TASK DIRECTIONS: Copy each line below in which the string "IFCLOCALPLACEMENT" occurs.
((
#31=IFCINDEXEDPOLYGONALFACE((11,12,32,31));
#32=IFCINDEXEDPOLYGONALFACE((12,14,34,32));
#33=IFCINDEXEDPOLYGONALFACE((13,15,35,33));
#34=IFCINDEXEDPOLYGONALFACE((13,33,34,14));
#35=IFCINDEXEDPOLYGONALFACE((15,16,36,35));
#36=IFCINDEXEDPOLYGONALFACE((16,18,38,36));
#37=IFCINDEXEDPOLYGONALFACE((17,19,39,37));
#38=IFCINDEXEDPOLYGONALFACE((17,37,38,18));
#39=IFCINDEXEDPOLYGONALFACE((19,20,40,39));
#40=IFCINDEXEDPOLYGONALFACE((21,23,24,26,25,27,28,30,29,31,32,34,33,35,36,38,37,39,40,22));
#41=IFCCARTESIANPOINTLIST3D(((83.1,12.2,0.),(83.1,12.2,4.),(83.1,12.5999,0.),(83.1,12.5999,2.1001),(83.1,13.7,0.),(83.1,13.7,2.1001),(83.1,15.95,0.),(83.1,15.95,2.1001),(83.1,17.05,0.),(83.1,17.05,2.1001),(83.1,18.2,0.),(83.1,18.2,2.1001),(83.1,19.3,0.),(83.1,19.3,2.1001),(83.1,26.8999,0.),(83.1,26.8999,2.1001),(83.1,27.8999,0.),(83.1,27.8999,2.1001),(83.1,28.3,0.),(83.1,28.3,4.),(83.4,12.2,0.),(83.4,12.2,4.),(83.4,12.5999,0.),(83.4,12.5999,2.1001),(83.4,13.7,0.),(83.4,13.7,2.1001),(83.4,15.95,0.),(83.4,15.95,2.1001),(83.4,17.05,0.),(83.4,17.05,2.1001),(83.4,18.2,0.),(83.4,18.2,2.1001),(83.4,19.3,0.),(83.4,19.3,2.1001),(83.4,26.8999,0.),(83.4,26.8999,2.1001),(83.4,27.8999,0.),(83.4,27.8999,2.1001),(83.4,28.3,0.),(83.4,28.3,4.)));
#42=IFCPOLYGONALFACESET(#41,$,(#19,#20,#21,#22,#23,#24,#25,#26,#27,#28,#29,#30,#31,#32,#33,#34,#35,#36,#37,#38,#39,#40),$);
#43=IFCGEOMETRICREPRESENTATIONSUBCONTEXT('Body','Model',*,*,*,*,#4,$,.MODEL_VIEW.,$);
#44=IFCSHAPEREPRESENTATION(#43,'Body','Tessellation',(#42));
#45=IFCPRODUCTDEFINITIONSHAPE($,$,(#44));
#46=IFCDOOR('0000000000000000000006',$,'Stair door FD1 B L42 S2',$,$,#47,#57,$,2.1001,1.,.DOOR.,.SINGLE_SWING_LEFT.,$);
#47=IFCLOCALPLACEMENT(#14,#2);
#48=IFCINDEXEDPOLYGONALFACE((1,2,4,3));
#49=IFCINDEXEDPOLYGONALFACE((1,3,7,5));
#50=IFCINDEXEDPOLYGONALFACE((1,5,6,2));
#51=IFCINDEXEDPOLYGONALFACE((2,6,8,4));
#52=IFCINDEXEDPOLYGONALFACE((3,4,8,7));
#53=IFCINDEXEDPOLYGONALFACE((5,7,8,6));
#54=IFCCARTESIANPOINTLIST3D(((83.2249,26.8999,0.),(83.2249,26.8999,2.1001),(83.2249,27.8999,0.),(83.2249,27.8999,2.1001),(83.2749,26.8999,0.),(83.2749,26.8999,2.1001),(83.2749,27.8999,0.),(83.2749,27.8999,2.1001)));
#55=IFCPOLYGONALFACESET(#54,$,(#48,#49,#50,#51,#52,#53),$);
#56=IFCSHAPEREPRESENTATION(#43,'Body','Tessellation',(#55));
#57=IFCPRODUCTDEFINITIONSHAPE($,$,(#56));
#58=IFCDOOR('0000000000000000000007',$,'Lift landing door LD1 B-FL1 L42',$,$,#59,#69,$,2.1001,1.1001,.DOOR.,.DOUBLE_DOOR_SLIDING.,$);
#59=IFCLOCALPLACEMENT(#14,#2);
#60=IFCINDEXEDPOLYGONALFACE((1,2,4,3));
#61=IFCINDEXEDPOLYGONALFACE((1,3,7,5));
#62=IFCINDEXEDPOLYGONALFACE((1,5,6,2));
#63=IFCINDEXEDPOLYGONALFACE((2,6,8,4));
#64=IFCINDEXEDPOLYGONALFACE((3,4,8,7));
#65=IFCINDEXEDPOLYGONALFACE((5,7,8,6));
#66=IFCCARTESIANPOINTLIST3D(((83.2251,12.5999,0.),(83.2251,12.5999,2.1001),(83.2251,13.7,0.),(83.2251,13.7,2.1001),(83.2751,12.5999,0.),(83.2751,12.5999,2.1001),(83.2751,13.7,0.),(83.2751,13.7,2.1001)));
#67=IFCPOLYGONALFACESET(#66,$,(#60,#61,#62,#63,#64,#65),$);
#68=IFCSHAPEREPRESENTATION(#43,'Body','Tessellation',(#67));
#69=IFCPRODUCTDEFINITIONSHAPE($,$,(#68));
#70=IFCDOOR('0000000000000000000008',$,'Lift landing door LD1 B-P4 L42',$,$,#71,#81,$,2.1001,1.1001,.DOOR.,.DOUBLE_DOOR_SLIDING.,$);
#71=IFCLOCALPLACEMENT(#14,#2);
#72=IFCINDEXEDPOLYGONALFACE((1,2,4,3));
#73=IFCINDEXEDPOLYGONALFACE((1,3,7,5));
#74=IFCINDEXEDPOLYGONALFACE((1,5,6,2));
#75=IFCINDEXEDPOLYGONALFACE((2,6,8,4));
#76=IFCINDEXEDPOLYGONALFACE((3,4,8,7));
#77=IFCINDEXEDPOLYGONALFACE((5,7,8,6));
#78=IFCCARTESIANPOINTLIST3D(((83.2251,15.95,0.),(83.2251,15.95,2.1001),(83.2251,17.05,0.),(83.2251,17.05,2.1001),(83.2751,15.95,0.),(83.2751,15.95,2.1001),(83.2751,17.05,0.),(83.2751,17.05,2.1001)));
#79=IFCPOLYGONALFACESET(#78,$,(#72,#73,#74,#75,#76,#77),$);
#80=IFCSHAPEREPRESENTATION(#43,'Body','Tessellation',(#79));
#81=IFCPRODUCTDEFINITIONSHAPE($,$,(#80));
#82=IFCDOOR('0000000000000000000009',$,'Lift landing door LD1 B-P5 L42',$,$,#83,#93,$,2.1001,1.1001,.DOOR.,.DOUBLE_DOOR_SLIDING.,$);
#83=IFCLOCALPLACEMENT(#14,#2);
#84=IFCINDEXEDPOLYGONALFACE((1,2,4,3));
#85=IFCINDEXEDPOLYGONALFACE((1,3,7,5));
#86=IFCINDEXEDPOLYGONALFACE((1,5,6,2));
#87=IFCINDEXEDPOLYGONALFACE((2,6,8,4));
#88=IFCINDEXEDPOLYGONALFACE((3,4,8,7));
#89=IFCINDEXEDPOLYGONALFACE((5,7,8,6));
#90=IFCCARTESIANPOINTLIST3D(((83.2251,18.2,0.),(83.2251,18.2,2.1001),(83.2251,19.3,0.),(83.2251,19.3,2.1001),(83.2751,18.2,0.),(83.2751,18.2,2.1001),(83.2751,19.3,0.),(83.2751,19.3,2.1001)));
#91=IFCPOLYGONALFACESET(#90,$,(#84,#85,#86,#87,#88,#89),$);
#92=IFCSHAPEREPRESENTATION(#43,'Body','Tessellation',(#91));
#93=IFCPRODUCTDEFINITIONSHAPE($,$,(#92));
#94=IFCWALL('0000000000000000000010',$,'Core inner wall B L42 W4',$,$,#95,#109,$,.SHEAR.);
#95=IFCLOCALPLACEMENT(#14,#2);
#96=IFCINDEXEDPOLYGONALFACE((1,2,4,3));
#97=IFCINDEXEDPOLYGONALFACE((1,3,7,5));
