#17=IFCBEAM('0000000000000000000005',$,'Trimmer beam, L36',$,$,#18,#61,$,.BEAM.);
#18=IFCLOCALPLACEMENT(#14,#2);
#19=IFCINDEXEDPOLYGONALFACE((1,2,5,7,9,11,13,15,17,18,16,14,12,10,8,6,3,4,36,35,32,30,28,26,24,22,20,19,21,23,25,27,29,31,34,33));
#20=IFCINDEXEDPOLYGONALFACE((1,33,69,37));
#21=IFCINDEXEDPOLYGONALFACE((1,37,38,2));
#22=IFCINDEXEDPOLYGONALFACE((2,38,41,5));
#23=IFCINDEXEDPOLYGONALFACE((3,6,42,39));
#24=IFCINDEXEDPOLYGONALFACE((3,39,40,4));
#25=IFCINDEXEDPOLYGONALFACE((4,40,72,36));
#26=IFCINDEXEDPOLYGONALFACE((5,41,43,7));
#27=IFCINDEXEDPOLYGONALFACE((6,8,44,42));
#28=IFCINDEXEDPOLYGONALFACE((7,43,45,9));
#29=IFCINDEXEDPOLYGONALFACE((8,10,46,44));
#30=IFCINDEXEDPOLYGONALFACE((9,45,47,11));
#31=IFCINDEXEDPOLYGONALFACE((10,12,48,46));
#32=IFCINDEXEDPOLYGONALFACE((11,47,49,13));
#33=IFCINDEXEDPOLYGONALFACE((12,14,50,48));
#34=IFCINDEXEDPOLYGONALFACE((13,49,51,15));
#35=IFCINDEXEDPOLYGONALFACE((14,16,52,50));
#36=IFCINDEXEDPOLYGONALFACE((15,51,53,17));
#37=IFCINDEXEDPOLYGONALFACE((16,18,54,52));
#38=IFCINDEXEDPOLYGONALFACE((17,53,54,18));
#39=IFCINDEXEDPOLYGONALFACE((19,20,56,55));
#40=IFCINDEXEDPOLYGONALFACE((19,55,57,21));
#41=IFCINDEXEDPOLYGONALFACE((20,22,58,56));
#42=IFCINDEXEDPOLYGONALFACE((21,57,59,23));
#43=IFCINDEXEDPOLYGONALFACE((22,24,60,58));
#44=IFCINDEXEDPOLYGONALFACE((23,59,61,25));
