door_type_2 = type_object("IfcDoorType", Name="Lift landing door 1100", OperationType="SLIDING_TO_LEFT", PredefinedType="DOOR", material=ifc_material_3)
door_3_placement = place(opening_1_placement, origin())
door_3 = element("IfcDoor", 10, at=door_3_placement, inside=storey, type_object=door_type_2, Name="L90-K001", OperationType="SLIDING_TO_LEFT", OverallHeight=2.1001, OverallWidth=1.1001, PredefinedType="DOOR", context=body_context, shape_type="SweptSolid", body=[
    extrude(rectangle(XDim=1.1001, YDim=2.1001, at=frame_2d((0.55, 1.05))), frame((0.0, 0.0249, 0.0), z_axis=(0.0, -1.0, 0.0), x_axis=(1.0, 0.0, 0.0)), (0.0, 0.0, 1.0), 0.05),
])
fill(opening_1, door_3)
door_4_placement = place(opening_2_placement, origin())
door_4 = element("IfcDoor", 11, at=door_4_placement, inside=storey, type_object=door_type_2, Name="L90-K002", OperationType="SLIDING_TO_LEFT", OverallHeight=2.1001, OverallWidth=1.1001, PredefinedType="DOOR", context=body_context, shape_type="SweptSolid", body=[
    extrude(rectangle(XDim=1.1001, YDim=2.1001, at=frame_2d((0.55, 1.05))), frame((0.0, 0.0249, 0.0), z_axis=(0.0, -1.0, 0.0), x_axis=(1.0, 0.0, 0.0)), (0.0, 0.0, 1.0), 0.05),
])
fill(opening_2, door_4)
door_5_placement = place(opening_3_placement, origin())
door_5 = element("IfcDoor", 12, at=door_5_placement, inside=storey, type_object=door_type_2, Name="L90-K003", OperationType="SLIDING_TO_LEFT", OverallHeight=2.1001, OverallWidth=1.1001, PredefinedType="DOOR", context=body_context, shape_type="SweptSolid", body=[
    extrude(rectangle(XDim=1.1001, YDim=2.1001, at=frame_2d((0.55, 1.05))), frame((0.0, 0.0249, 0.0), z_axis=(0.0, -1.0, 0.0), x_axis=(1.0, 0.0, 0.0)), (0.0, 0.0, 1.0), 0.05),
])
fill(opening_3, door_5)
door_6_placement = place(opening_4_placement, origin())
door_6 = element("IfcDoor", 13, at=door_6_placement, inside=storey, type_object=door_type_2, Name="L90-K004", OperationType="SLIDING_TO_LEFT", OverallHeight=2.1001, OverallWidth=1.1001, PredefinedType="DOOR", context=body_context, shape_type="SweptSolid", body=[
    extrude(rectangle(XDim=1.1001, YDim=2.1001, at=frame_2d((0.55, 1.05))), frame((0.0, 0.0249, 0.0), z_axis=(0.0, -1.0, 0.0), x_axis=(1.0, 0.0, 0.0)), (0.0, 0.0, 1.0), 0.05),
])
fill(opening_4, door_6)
))
YOUR RESPONSE:
#47=IFCLOCALPLACEMENT(#14,#2);
#59=IFCLOCALPLACEMENT(#14,#2);
#71=IFCLOCALPLACEMENT(#14,#2);
#83=IFCLOCALPLACEMENT(#14,#2);
#95=IFCLOCALPLACEMENT(#14,#2);
#18=IFCLOCALPLACEMENT(#14,#2);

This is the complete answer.